Segment Start: DATA SUPPLIED

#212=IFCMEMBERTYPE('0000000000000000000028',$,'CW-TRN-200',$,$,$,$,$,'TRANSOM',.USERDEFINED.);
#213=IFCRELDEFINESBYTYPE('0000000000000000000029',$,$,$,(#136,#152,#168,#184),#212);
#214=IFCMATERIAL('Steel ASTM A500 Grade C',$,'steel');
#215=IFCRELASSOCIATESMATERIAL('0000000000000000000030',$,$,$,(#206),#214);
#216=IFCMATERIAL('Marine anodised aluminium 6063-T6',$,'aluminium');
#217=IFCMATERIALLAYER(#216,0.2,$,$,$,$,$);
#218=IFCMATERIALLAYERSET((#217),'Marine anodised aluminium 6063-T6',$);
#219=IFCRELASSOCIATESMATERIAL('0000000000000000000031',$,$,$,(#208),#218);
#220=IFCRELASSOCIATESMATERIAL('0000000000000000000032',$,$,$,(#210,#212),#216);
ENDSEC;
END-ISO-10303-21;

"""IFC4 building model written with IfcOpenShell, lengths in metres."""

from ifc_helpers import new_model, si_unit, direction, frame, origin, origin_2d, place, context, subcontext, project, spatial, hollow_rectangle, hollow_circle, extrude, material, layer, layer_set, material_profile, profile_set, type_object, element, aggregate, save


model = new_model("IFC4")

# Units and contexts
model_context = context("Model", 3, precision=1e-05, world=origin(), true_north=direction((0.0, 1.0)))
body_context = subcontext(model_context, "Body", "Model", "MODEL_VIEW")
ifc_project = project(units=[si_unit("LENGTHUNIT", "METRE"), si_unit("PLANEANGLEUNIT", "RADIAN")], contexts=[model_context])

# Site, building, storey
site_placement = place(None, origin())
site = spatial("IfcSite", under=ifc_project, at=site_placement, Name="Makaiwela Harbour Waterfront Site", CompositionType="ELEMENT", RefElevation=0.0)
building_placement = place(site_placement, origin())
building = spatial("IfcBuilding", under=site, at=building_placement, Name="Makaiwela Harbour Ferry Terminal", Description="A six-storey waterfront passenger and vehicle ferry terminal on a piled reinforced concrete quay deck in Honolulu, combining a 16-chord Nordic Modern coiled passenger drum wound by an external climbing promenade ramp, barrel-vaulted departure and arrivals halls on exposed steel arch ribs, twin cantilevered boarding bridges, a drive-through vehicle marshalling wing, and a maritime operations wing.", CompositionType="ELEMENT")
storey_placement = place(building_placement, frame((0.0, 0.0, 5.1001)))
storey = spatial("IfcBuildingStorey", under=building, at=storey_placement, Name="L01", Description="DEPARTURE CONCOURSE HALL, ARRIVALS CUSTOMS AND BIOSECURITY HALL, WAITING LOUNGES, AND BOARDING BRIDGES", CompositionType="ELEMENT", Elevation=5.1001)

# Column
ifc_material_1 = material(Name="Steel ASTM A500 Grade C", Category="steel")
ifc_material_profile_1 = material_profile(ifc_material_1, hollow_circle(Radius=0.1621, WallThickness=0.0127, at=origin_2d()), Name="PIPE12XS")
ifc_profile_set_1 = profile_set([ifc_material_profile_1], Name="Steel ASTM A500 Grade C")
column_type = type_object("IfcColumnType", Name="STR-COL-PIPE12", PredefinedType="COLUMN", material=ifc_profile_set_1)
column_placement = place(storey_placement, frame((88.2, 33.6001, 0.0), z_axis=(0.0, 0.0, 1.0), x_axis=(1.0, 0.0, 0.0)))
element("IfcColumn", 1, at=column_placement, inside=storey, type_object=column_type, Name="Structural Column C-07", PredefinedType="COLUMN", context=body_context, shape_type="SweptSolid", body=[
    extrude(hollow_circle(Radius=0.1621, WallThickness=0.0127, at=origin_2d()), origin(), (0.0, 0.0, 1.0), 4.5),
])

Segment End: DATA SUPPLIED

» THE PROBLEM
Word for word, quote all of the data above.

» OUTPUT FOR THIS TASK
#212=IFCMEMBERTYPE('0000000000000000000028',$,'CW-TRN-200',$,$,$,$,$,'TRANSOM',.USERDEFINED.);
#213=IFCRELDEFINESBYTYPE('0000000000000000000029',$,$,$,(#136,#152,#168,#184),#212);
#214=IFCMATERIAL('Steel ASTM A500 Grade C',$,'steel');
#215=IFCRELASSOCIATESMATERIAL('0000000000000000000030',$,$,$,(#206),#214);
#216=IFCMATERIAL('Marine anodised aluminium 6063-T6',$,'aluminium');
#217=IFCMATERIALLAYER(#216,0.2,$,$,$,$,$);
#218=IFCMATERIALLAYERSET((#217),'Marine anodised aluminium 6063-T6',$);
#219=IFCRELASSOCIATESMATERIAL('0000000000000000000031',$,$,$,(#208),#218);
#220=IFCRELASSOCIATESMATERIAL('0000000000000000000032',$,$,$,(#210,#212),#216);
ENDSEC;
END-ISO-10303-21;

"""IFC4 building model written with IfcOpenShell, lengths in metres."""

from ifc_helpers import new_model, si_unit, direction, frame, origin, origin_2d, place, context, subcontext, project, spatial, hollow_rectangle, hollow_circle, extrude, material, layer, layer_set, material_profile, profile_set, type_object, element, aggregate, save


model = new_model("IFC4")

# Units and contexts
model_context = context("Model", 3, precision=1e-05, world=origin(), true_north=direction((0.0, 1.0)))
body_context = subcontext(model_context, "Body", "Model", "MODEL_VIEW")
ifc_project = project(units=[si_unit("LENGTHUNIT", "METRE"), si_unit("PLANEANGLEUNIT", "RADIAN")], contexts=[model_context])

# Site, building, storey
site_placement = place(None, origin())
site = spatial("IfcSite", under=ifc_project, at=site_placement, Name="Makaiwela Harbour Waterfront Site", CompositionType="ELEMENT", RefElevation=0.0)
building_placement = place(site_placement, origin())
building = spatial("IfcBuilding", under=site, at=building_placement, Name="Makaiwela Harbour Ferry Terminal", Description="A six-storey waterfront passenger and vehicle ferry terminal on a piled reinforced concrete quay deck in Honolulu, combining a 16-chord Nordic Modern coiled passenger drum wound by an external climbing promenade ramp, barrel-vaulted departure and arrivals halls on exposed steel arch ribs, twin cantilevered boarding bridges, a drive-through vehicle marshalling wing, and a maritime operations wing.", CompositionType="ELEMENT")
storey_placement = place(building_placement, frame((0.0, 0.0, 5.1001)))
storey = spatial("IfcBuildingStorey", under=building, at=storey_placement, Name="L01", Description="DEPARTURE CONCOURSE HALL, ARRIVALS CUSTOMS AND BIOSECURITY HALL, WAITING LOUNGES, AND BOARDING BRIDGES", CompositionType="ELEMENT", Elevation=5.1001)

# Column
ifc_material_1 = material(Name="Steel ASTM A500 Grade C", Category="steel")
ifc_material_profile_1 = material_profile(ifc_material_1, hollow_circle(Radius=0.1621, WallThickness=0.0127, at=origin_2d()), Name="PIPE12XS")
ifc_profile_set_1 = profile_set([ifc_material_profile_1], Name="Steel ASTM A500 Grade C")
column_type = type_object("IfcColumnType", Name="STR-COL-PIPE12", PredefinedType="COLUMN", material=ifc_profile_set_1)
column_placement = place(storey_placement, frame((88.2, 33.6001, 0.0), z_axis=(0.0, 0.0, 1.0), x_axis=(1.0, 0.0, 0.0)))
element("IfcColumn", 1, at=column_placement, inside=storey, type_object=column_type, Name="Structural Column C-07", PredefinedType="COLUMN", context=body_context, shape_type="SweptSolid", body=[
    extrude(hollow_circle(Radius=0.1621, WallThickness=0.0127, at=origin_2d()), origin(), (0.0, 0.0, 1.0), 4.5),
])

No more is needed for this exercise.